Information supplied START

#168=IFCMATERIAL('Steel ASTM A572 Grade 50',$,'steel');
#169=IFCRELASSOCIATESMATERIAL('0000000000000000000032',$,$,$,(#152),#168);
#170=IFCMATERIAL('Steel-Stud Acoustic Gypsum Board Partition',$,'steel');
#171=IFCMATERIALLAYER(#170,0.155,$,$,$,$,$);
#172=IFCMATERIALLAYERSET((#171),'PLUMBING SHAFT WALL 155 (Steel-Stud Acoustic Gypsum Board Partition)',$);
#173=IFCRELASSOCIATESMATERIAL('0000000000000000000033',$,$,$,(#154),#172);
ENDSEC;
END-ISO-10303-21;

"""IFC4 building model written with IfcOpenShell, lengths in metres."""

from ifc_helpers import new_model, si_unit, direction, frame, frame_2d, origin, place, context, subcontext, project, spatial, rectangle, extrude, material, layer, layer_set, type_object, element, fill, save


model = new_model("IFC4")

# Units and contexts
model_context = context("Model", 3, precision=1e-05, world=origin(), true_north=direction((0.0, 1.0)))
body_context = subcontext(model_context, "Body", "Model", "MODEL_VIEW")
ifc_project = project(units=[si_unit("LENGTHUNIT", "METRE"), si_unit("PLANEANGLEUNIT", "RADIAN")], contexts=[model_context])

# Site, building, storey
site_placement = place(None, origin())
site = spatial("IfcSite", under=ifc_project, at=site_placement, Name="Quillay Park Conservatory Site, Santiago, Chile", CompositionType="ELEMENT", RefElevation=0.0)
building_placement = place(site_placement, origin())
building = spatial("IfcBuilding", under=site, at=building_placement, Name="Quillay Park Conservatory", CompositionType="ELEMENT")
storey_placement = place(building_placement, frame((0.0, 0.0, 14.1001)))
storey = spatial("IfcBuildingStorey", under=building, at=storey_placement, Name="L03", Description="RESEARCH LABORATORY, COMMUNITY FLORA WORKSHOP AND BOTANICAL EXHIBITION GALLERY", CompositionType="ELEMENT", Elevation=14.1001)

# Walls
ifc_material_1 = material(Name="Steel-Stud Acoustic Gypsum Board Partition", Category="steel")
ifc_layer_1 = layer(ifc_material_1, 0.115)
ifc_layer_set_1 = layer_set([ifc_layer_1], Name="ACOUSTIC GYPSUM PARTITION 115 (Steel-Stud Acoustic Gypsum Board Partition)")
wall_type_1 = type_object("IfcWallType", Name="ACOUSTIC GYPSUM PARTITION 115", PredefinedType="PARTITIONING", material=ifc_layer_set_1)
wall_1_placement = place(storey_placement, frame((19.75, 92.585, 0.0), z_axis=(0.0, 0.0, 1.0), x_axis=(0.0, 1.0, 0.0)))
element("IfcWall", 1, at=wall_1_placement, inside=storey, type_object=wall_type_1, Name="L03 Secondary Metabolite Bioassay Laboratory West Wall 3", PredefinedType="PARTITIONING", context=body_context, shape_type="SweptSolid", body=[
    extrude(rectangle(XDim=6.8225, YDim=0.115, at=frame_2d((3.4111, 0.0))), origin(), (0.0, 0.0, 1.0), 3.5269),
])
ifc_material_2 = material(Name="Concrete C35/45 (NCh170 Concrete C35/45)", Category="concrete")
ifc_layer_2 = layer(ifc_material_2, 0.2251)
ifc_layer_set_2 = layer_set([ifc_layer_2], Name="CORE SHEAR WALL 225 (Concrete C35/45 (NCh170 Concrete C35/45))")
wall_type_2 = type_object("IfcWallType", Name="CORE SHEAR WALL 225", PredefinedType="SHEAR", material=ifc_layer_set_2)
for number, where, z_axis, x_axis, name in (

Information supplied END

_Task prompt_
Write out exactly the lines from the start of the material through the line with "site_placement = place(None, origin())". No other output is expected.

_Reply to the exercise_
#168=IFCMATERIAL('Steel ASTM A572 Grade 50',$,'steel');
#169=IFCRELASSOCIATESMATERIAL('0000000000000000000032',$,$,$,(#152),#168);
#170=IFCMATERIAL('Steel-Stud Acoustic Gypsum Board Partition',$,'steel');
#171=IFCMATERIALLAYER(#170,0.155,$,$,$,$,$);
#172=IFCMATERIALLAYERSET((#171),'PLUMBING SHAFT WALL 155 (Steel-Stud Acoustic Gypsum Board Partition)',$);
#173=IFCRELASSOCIATESMATERIAL('0000000000000000000033',$,$,$,(#154),#172);
ENDSEC;
END-ISO-10303-21;

"""IFC4 building model written with IfcOpenShell, lengths in metres."""

from ifc_helpers import new_model, si_unit, direction, frame, frame_2d, origin, place, context, subcontext, project, spatial, rectangle, extrude, material, layer, layer_set, type_object, element, fill, save


model = new_model("IFC4")

# Units and contexts
model_context = context("Model", 3, precision=1e-05, world=origin(), true_north=direction((0.0, 1.0)))
body_context = subcontext(model_context, "Body", "Model", "MODEL_VIEW")
ifc_project = project(units=[si_unit("LENGTHUNIT", "METRE"), si_unit("PLANEANGLEUNIT", "RADIAN")], contexts=[model_context])

# Site, building, storey
site_placement = place(None, origin())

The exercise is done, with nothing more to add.